WORK REQUEST:
Scan the records below. List lines holding "Tessellation".

Stored items
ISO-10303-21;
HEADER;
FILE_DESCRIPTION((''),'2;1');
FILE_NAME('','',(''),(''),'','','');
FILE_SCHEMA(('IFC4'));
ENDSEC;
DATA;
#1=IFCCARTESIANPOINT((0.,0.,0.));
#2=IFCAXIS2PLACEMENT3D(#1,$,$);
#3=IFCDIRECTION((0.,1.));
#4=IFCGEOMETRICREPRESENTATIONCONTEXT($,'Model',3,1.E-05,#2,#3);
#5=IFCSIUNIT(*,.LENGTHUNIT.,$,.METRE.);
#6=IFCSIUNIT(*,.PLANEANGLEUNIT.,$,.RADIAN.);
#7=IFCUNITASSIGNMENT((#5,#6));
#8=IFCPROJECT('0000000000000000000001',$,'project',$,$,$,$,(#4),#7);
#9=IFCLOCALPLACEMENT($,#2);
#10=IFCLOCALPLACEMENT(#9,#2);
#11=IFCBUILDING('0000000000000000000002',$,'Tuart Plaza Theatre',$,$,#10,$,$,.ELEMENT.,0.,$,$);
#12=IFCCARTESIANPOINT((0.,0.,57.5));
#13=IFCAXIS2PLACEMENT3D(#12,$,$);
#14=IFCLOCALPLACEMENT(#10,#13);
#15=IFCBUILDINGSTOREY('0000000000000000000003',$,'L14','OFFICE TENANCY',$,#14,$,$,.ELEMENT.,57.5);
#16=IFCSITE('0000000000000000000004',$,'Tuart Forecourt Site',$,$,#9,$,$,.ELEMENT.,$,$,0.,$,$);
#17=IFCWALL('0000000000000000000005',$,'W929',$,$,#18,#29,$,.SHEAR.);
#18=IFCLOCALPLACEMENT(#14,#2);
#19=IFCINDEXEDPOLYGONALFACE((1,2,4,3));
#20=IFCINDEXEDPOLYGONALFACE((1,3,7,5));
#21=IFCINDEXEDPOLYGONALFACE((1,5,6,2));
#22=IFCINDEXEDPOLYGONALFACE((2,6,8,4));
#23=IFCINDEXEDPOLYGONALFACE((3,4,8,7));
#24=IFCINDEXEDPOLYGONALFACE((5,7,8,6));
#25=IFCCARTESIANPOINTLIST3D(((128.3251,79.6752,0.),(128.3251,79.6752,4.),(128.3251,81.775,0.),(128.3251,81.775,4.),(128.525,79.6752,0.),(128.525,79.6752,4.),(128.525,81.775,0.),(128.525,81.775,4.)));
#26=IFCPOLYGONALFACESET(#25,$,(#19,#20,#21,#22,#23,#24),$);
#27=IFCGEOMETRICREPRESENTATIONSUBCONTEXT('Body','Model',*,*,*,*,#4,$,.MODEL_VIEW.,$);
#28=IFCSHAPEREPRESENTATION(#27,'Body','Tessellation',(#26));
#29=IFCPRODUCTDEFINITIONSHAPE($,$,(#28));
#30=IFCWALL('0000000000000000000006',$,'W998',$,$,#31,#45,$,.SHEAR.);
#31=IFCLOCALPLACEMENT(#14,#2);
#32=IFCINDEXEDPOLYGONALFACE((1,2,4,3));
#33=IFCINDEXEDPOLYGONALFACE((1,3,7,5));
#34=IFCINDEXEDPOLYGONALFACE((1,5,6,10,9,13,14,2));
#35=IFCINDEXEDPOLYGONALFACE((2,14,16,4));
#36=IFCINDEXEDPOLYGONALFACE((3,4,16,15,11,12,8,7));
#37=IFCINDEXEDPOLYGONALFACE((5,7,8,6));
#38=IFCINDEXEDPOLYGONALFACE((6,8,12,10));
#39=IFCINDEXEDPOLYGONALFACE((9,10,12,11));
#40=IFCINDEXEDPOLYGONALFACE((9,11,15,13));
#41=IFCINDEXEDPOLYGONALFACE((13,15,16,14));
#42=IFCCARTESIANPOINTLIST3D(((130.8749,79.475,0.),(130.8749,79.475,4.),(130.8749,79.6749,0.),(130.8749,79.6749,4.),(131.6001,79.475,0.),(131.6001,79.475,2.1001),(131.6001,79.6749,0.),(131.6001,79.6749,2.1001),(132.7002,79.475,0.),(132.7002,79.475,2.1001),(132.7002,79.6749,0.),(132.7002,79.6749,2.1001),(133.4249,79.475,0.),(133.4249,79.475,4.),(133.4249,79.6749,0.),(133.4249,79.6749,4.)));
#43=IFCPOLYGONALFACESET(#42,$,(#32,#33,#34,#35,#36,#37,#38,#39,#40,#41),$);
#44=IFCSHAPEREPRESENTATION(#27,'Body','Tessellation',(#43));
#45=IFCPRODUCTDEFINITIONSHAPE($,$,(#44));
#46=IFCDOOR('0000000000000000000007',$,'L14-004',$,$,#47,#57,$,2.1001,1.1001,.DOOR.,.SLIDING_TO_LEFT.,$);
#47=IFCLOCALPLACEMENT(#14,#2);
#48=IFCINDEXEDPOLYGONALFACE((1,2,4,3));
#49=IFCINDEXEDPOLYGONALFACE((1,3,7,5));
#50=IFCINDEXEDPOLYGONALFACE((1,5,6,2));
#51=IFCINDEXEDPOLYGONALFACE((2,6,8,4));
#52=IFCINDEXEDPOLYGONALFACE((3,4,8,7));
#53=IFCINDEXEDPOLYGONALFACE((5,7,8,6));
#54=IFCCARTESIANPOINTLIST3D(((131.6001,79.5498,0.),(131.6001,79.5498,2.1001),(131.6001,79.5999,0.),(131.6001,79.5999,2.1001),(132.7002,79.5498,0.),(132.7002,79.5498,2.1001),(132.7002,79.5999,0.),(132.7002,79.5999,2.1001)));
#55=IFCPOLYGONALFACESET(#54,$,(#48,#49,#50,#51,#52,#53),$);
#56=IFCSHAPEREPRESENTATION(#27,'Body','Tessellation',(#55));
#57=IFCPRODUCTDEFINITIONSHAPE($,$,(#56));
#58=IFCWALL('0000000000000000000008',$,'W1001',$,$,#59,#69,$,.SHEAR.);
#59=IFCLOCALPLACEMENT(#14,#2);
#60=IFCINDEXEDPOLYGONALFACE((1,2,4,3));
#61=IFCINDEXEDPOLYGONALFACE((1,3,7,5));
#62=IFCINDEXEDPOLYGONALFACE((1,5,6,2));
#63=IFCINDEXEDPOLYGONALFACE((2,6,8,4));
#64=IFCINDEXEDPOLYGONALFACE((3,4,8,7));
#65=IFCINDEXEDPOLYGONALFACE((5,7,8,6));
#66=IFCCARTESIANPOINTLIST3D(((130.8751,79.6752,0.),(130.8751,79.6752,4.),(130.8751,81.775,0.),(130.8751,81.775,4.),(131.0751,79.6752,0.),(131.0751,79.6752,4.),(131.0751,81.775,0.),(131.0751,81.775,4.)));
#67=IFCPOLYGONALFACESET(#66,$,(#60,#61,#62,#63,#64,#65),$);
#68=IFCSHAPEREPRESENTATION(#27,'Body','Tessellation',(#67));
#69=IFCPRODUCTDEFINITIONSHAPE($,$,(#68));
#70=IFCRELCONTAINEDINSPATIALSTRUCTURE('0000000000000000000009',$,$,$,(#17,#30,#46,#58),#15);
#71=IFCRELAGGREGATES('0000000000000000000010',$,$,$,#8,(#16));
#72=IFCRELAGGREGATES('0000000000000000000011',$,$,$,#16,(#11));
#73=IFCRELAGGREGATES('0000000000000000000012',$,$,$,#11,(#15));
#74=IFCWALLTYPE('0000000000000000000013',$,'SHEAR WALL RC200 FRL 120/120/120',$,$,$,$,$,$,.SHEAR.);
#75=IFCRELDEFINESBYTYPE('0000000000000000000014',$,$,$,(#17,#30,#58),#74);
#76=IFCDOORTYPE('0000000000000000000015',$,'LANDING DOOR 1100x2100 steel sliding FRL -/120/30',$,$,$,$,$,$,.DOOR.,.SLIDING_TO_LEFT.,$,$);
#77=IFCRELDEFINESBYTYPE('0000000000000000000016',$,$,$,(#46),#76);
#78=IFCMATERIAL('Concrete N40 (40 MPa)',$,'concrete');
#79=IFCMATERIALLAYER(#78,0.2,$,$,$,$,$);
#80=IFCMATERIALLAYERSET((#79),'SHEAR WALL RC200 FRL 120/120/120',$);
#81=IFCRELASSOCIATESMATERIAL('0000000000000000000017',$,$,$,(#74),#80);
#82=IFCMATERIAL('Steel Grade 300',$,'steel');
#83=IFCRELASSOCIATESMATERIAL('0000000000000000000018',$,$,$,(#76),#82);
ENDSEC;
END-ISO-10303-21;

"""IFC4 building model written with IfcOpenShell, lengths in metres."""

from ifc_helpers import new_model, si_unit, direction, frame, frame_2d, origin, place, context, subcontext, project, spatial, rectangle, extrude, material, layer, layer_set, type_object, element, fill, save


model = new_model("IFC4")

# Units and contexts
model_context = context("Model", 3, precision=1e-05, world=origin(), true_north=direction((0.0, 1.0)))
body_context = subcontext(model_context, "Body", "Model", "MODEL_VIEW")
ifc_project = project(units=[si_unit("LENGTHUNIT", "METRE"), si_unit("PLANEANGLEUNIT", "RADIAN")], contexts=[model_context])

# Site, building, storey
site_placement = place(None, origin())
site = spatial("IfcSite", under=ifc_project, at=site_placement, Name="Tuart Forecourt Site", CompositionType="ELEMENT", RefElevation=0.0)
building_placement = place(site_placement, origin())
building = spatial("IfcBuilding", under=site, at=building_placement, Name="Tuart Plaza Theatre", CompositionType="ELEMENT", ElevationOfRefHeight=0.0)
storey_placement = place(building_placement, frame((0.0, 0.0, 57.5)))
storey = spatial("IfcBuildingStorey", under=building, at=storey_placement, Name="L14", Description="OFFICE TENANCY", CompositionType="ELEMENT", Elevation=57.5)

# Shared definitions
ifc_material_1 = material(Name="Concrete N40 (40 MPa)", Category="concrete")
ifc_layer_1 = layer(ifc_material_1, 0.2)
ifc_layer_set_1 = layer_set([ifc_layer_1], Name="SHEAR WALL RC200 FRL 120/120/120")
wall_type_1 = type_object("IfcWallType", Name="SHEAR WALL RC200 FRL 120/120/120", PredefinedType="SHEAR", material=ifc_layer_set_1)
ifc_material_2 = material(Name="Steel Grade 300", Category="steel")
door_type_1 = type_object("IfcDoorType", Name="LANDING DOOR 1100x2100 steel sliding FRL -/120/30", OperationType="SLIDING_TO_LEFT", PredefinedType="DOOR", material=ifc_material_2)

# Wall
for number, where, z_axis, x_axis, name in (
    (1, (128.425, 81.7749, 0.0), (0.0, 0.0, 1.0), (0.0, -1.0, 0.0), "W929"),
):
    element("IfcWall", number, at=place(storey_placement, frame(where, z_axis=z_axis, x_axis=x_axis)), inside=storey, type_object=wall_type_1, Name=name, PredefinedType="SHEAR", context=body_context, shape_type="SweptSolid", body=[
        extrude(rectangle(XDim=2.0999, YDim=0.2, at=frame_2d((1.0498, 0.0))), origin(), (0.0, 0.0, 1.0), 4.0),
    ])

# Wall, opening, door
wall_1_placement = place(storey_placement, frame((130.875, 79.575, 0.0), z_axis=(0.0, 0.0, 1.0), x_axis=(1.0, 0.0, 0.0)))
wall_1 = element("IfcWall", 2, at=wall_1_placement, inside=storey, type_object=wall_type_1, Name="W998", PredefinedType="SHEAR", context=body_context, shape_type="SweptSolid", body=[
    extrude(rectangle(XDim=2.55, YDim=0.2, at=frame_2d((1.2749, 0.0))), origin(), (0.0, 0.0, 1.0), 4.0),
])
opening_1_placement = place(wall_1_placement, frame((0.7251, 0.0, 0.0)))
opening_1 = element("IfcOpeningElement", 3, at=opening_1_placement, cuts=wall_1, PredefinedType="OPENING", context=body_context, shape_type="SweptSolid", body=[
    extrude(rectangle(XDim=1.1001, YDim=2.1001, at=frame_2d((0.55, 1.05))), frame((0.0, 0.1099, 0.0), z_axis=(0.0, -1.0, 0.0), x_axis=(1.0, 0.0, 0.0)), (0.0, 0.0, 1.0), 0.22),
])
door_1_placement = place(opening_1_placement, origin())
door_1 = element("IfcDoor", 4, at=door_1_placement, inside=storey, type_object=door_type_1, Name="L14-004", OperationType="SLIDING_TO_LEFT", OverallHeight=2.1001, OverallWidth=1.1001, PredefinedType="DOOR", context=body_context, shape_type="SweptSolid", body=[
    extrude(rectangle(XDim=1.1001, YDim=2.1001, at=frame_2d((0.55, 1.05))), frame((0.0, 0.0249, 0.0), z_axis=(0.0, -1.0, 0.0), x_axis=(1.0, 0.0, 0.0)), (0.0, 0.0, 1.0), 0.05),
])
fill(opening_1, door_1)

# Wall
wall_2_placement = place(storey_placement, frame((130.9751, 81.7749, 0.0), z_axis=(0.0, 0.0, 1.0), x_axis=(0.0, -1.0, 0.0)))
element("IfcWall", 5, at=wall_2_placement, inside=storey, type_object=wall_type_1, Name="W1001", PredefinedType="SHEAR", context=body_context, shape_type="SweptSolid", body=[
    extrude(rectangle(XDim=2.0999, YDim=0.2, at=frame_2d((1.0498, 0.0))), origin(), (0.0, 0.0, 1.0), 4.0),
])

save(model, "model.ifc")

ANSWER BOX:
#28=IFCSHAPEREPRESENTATION(#27,'Body','Tessellation',(#26));
#44=IFCSHAPEREPRESENTATION(#27,'Body','Tessellation',(#43));
#56=IFCSHAPEREPRESENTATION(#27,'Body','Tessellation',(#55));
#68=IFCSHAPEREPRESENTATION(#27,'Body','Tessellation',(#67));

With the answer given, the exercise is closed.